TASK OBJECTIVE =
Copy out the lines of the material that include the string "IFCRELAGGREGATES".
◆ ◆ ◆ ◆
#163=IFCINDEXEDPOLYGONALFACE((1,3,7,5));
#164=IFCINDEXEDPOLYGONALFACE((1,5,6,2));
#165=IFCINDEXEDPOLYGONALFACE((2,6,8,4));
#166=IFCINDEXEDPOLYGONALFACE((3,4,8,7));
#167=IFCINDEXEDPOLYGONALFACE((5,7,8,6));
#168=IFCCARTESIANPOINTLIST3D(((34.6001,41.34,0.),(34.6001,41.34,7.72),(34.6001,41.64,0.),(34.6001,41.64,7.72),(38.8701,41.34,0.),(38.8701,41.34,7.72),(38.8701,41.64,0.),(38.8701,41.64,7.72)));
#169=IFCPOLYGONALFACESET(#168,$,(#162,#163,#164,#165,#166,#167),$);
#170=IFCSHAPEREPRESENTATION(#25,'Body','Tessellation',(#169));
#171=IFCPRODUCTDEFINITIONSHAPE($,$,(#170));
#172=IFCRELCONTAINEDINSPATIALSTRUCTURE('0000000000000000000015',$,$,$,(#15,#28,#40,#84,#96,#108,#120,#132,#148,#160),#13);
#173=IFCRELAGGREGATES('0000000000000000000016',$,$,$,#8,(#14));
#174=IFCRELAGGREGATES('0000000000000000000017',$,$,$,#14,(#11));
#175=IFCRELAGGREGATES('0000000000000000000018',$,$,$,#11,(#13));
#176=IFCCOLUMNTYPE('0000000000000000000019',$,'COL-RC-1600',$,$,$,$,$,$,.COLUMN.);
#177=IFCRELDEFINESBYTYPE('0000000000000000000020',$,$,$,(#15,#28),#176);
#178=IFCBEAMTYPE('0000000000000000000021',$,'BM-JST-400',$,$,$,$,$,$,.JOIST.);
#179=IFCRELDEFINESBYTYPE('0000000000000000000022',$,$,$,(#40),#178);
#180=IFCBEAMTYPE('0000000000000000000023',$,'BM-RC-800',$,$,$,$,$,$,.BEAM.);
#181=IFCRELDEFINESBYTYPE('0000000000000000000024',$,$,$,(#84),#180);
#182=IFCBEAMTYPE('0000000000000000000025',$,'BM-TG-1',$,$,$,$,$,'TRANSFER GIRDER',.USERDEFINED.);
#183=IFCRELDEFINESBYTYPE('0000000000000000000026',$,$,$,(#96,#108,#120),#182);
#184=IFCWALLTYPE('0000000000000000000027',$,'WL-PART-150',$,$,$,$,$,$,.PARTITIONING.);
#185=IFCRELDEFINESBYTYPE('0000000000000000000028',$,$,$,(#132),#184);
◆ ◆ ◆ ◆
ANSWER SPACE =
#173=IFCRELAGGREGATES('0000000000000000000016',$,$,$,#8,(#14));
#174=IFCRELAGGREGATES('0000000000000000000017',$,$,$,#14,(#11));
#175=IFCRELAGGREGATES('0000000000000000000018',$,$,$,#11,(#13));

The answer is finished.